- _Exercise instructions_
In the records below, tally every line containing "polyline". Report only the total.

- _Collection entries_
======

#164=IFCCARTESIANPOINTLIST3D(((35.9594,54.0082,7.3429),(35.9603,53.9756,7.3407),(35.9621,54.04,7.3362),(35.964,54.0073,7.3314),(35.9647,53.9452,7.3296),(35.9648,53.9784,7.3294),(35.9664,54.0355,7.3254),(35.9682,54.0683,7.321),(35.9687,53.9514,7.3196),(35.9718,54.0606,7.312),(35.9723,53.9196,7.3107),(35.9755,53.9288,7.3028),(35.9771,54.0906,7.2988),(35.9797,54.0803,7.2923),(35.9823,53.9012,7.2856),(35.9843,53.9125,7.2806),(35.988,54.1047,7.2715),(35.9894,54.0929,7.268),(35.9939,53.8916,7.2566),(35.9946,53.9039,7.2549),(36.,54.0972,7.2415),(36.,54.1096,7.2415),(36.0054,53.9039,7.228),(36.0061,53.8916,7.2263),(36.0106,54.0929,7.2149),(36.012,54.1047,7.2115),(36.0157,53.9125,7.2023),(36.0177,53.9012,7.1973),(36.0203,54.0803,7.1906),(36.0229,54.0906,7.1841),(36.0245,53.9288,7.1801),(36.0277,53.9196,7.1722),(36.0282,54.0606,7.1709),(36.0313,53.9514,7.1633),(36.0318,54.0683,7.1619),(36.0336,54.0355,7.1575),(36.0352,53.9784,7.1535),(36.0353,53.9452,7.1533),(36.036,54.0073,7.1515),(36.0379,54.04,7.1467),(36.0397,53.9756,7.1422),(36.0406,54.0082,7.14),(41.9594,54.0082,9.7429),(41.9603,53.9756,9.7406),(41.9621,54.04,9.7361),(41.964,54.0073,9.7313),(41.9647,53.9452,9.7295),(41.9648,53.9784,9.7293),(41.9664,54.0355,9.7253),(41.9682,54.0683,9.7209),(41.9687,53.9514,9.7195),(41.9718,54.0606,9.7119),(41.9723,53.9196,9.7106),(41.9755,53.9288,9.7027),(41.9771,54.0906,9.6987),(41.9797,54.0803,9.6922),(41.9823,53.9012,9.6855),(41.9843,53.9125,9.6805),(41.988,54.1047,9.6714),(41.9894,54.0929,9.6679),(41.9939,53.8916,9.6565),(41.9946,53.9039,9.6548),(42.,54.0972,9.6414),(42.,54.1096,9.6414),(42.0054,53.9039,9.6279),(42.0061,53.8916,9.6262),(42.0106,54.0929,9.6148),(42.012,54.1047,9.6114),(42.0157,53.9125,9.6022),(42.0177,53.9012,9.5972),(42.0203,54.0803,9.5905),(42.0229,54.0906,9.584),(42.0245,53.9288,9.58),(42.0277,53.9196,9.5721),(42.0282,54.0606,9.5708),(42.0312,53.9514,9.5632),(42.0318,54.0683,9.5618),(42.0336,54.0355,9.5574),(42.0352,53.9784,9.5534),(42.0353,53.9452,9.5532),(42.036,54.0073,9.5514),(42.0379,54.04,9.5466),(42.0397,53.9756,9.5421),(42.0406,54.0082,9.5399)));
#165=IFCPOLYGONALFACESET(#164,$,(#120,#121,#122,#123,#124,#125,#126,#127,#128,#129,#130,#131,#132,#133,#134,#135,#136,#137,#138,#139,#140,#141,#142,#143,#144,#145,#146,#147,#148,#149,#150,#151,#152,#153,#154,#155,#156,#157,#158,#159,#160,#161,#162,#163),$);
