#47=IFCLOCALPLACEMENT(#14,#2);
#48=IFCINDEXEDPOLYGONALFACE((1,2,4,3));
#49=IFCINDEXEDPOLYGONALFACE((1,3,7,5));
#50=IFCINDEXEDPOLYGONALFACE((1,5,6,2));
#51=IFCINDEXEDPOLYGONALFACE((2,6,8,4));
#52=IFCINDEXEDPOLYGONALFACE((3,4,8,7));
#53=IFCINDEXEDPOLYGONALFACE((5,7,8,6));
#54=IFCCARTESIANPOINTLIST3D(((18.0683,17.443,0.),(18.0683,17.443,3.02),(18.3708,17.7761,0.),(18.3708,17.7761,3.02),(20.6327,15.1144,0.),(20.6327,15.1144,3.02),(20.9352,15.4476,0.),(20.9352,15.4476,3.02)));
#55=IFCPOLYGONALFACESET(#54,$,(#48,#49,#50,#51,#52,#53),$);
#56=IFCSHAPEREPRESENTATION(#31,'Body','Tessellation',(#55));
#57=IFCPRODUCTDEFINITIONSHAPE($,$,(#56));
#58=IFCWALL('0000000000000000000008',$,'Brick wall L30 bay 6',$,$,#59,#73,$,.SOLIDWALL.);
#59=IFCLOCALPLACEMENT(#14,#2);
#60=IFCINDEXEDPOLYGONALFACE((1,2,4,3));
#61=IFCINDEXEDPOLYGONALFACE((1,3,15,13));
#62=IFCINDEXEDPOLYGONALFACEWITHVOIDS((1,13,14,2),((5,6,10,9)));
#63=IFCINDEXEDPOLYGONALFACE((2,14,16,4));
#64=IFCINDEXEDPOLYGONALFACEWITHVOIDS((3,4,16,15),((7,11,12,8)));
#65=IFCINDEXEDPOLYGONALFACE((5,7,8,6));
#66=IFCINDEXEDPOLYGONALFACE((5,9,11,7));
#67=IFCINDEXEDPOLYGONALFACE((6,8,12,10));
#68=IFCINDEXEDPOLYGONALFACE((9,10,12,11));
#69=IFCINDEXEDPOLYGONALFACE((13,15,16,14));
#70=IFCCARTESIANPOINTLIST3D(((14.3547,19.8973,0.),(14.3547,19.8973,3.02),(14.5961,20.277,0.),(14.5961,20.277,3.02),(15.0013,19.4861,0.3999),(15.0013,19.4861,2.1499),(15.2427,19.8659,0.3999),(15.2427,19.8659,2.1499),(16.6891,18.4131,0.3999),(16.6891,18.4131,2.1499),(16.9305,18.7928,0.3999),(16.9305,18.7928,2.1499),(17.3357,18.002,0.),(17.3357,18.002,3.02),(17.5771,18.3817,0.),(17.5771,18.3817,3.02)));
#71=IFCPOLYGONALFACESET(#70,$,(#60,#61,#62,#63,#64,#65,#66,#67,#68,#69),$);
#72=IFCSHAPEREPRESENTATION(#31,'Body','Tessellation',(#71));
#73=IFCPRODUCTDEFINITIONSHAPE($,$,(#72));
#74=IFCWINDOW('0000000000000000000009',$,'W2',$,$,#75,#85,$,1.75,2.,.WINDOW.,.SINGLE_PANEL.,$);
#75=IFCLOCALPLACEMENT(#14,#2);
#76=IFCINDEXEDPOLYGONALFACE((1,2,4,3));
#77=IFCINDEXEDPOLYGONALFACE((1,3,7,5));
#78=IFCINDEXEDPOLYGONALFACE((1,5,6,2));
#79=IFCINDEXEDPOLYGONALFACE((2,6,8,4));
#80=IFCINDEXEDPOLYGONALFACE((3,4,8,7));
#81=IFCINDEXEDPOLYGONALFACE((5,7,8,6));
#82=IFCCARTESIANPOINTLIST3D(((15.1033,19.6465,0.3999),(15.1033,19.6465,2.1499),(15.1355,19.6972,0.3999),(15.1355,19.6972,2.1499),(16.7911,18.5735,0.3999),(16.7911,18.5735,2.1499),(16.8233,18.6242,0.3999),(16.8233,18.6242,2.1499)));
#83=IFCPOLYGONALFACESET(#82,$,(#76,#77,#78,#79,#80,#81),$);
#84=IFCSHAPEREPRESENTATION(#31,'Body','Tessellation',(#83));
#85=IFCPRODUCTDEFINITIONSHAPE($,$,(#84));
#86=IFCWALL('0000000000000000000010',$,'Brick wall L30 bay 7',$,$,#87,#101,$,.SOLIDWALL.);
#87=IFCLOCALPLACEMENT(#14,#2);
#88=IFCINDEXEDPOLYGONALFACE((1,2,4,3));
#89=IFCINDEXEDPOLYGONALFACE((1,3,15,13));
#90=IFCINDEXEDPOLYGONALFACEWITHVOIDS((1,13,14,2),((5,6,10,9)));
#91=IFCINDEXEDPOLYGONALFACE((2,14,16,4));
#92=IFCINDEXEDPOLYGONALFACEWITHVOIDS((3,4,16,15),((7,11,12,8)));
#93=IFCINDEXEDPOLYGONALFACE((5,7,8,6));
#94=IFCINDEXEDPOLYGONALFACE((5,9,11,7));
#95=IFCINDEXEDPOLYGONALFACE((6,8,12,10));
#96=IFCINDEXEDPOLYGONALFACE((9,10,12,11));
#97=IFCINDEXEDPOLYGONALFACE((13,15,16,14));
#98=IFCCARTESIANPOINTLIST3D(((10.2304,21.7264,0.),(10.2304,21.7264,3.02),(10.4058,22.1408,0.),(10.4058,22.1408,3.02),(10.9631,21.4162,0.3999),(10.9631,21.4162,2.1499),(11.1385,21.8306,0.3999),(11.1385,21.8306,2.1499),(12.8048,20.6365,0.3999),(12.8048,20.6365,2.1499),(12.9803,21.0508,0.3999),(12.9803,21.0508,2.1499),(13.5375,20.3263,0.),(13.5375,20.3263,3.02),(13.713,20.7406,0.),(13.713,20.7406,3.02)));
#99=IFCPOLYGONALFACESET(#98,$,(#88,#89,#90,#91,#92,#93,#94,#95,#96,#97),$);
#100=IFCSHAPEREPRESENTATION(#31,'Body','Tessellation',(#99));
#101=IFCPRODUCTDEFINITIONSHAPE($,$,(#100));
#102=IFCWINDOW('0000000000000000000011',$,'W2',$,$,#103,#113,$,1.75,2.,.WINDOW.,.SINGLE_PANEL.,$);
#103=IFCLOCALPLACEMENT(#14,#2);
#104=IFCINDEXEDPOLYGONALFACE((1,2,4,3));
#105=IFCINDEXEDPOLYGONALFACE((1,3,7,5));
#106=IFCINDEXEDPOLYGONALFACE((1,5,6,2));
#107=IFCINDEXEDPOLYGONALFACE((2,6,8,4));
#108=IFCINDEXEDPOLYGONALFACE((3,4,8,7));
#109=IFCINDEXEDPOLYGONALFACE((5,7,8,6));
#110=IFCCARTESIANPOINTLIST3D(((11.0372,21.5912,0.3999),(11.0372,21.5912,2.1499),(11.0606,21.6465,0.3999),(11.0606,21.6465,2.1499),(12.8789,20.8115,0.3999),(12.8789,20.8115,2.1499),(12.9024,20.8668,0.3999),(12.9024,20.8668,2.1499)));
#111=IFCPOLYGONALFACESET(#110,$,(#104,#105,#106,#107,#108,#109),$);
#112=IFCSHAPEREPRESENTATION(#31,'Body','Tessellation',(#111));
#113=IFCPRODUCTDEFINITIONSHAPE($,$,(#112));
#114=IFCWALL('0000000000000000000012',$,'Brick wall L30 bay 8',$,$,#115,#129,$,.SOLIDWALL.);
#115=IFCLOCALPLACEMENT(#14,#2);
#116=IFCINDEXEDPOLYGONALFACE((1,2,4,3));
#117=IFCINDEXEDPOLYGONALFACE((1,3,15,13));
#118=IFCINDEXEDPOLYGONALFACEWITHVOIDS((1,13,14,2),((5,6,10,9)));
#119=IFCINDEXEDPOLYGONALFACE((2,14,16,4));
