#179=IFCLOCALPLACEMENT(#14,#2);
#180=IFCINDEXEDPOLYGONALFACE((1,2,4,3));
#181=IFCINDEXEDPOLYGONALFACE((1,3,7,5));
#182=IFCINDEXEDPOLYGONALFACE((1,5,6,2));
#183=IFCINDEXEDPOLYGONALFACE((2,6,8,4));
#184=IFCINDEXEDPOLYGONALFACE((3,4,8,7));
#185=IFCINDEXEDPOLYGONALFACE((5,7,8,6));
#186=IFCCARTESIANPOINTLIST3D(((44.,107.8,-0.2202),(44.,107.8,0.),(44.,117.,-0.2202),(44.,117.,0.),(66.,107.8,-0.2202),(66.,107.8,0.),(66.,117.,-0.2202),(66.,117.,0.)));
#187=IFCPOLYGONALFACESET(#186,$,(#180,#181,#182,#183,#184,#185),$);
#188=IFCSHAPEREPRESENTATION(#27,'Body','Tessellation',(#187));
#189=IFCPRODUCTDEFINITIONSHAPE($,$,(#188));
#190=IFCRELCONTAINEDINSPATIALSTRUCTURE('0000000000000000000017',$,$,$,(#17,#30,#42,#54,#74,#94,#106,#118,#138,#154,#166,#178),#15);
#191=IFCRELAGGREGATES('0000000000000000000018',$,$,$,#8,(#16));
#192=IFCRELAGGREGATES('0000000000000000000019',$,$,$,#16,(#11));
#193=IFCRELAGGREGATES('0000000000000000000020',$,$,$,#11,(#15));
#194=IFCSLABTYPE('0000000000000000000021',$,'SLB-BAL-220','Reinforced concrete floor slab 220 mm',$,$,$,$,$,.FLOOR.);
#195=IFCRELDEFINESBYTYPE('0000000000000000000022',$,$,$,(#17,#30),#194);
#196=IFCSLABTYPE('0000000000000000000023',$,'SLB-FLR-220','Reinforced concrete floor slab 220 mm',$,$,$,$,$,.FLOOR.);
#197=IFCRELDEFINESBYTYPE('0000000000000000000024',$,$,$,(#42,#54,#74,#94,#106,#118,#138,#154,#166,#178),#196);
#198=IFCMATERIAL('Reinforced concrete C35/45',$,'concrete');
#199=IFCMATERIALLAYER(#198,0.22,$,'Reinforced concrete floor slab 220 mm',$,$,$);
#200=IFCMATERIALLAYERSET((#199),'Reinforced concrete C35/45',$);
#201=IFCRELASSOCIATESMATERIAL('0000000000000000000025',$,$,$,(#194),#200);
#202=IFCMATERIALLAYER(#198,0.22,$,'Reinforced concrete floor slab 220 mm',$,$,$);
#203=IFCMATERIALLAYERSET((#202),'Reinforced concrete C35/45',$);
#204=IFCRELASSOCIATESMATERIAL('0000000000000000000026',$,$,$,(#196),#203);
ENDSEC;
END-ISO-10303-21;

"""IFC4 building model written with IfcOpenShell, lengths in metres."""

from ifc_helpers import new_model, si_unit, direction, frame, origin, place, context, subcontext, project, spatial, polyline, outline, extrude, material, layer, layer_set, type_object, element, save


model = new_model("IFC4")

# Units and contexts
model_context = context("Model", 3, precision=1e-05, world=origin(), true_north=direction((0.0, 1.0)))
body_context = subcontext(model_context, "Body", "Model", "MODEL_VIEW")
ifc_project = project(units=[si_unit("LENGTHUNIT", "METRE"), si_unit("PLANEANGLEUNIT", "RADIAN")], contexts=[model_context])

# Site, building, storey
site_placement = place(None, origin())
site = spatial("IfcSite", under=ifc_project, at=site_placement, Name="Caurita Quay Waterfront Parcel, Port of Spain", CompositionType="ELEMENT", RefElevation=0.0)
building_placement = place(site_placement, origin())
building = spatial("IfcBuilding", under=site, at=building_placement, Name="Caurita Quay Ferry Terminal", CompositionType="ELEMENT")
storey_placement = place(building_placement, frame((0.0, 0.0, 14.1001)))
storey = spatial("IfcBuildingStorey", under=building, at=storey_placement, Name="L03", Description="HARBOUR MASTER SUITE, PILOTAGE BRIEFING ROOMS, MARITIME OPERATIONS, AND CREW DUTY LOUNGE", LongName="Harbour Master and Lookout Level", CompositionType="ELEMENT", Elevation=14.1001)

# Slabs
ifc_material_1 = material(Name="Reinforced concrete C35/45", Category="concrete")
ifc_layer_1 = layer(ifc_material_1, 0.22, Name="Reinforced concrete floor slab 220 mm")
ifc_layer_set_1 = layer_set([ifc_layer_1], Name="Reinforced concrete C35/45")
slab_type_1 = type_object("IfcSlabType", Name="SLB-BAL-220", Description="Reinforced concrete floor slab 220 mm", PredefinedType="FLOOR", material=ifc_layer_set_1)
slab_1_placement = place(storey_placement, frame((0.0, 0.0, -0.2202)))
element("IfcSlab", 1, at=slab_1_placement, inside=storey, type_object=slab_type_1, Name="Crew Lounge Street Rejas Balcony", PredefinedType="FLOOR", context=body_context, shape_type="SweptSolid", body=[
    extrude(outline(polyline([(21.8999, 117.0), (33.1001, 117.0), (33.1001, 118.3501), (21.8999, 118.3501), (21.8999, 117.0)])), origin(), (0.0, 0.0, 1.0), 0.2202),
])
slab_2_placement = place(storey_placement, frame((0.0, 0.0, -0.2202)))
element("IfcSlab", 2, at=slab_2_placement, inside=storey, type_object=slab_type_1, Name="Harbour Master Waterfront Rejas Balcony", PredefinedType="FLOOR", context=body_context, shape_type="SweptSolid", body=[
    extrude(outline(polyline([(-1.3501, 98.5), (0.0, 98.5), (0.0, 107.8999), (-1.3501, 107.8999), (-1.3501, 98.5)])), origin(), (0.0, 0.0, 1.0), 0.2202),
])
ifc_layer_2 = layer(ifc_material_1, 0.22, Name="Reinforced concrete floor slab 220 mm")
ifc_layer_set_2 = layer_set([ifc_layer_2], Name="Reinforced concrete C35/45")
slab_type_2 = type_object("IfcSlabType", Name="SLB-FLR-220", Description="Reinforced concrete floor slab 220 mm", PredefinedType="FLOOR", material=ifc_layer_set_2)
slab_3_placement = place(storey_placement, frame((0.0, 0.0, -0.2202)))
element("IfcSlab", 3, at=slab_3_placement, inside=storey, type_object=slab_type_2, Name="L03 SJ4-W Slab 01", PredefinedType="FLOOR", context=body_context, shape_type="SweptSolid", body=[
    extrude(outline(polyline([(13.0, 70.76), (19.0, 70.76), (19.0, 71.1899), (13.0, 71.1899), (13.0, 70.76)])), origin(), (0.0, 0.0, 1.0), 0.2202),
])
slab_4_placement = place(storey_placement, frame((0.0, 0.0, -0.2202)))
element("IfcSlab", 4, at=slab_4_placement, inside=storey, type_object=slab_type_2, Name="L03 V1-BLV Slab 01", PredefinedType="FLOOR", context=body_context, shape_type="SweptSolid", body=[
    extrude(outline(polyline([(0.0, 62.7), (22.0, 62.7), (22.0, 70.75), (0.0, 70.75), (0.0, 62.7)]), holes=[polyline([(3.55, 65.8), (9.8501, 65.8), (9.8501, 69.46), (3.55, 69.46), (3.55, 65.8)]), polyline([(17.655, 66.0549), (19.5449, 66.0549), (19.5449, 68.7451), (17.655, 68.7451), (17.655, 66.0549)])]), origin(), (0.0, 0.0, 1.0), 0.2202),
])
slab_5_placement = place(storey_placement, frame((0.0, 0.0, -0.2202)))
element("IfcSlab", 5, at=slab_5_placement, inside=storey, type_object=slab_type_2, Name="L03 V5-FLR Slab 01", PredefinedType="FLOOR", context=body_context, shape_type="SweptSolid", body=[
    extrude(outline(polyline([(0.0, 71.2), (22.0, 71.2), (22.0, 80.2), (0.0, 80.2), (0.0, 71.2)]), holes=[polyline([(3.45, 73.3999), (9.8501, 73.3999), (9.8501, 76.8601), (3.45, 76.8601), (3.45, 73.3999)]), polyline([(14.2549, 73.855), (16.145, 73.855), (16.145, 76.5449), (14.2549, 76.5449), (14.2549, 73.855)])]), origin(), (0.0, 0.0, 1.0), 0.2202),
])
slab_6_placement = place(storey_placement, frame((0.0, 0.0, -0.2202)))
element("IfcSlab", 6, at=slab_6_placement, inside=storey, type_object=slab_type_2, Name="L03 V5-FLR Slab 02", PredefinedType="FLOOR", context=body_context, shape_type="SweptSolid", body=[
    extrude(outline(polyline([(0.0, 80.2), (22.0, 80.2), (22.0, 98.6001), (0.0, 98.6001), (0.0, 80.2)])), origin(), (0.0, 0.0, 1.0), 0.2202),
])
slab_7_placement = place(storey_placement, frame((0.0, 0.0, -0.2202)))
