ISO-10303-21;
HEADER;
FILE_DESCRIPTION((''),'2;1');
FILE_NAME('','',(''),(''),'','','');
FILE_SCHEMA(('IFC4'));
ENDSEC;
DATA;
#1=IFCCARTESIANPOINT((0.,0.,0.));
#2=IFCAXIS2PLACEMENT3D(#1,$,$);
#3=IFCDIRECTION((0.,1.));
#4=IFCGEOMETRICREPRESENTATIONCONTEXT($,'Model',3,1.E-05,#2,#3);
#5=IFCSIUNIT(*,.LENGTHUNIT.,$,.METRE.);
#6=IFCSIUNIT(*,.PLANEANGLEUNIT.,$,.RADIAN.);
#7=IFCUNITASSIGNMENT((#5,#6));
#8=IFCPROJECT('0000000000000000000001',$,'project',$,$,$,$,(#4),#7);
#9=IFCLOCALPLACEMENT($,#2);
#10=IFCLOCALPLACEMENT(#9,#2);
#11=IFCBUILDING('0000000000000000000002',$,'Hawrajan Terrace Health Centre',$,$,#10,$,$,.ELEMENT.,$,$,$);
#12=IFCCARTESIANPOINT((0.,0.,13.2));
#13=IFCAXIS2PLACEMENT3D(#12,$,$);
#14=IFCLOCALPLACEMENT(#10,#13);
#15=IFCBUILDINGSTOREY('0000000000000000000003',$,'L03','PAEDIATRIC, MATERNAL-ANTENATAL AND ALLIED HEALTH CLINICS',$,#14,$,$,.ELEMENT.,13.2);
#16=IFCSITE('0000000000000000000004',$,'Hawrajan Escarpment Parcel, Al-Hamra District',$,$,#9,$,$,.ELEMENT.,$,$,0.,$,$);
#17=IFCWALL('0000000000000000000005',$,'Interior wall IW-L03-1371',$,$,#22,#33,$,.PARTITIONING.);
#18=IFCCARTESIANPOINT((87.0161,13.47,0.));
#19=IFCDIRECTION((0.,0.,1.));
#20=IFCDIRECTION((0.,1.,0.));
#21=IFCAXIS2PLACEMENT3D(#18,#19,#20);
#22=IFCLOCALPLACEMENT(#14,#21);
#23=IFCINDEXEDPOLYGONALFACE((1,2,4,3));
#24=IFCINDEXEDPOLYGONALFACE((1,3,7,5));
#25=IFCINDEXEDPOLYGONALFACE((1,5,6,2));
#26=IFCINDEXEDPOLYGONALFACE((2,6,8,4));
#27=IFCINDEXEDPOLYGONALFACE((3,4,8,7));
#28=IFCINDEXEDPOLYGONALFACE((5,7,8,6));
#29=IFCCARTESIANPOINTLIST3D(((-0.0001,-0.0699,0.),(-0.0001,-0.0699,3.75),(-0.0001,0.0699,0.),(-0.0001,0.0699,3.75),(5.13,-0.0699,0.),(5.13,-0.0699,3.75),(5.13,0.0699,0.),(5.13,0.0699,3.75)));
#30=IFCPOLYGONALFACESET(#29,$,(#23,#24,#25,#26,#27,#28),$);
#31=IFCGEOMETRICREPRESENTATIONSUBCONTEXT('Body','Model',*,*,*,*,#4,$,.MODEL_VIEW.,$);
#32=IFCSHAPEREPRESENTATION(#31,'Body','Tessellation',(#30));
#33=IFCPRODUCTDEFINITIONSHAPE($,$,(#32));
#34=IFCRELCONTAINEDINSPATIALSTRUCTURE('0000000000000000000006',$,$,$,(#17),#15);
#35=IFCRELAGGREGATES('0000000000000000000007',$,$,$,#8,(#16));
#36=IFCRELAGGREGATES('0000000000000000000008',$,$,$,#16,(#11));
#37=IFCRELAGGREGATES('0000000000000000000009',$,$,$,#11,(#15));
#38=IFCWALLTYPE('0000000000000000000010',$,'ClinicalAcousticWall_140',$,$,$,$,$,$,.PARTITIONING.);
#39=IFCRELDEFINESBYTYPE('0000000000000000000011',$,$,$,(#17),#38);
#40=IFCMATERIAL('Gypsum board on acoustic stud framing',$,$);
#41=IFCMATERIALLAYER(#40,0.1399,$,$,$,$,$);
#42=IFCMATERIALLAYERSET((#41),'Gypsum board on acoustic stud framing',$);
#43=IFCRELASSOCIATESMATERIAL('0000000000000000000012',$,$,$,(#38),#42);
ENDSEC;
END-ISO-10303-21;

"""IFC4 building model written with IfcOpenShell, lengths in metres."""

from ifc_helpers import new_model, si_unit, direction, frame, frame_2d, origin, place, context, subcontext, project, spatial, rectangle, extrude, material, layer, layer_set, type_object, element, save


model = new_model("IFC4")

# Units and contexts
model_context = context("Model", 3, precision=1e-05, world=origin(), true_north=direction((0.0, 1.0)))
body_context = subcontext(model_context, "Body", "Model", "MODEL_VIEW")
ifc_project = project(units=[si_unit("LENGTHUNIT", "METRE"), si_unit("PLANEANGLEUNIT", "RADIAN")], contexts=[model_context])

# Site, building, storey
site_placement = place(None, origin())
site = spatial("IfcSite", under=ifc_project, at=site_placement, Name="Hawrajan Escarpment Parcel, Al-Hamra District", CompositionType="ELEMENT", RefElevation=0.0)
building_placement = place(site_placement, origin())
building = spatial("IfcBuilding", under=site, at=building_placement, Name="Hawrajan Terrace Health Centre", CompositionType="ELEMENT")
storey_placement = place(building_placement, frame((0.0, 0.0, 13.2)))
storey = spatial("IfcBuildingStorey", under=building, at=storey_placement, Name="L03", Description="PAEDIATRIC, MATERNAL-ANTENATAL AND ALLIED HEALTH CLINICS", CompositionType="ELEMENT", Elevation=13.2)

# Wall
ifc_material_1 = material(Name="Gypsum board on acoustic stud framing")
ifc_layer_1 = layer(ifc_material_1, 0.1399)
ifc_layer_set_1 = layer_set([ifc_layer_1], Name="Gypsum board on acoustic stud framing")
wall_type = type_object("IfcWallType", Name="ClinicalAcousticWall_140", PredefinedType="PARTITIONING", material=ifc_layer_set_1)
wall_1_placement = place(storey_placement, frame((87.0161, 13.47, 0.0), z_axis=(0.0, 0.0, 1.0), x_axis=(0.0, 1.0, 0.0)))
element("IfcWall", 1, at=wall_1_placement, inside=storey, type_object=wall_type, Name="Interior wall IW-L03-1371", PredefinedType="PARTITIONING", context=body_context, shape_type="SweptSolid", body=[
    extrude(rectangle(XDim=5.1301, YDim=0.1399, at=frame_2d((2.5649, 0.0))), origin(), (0.0, 0.0, 1.0), 3.75),
])

save(model, "model.ifc")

======

- _Response below_
7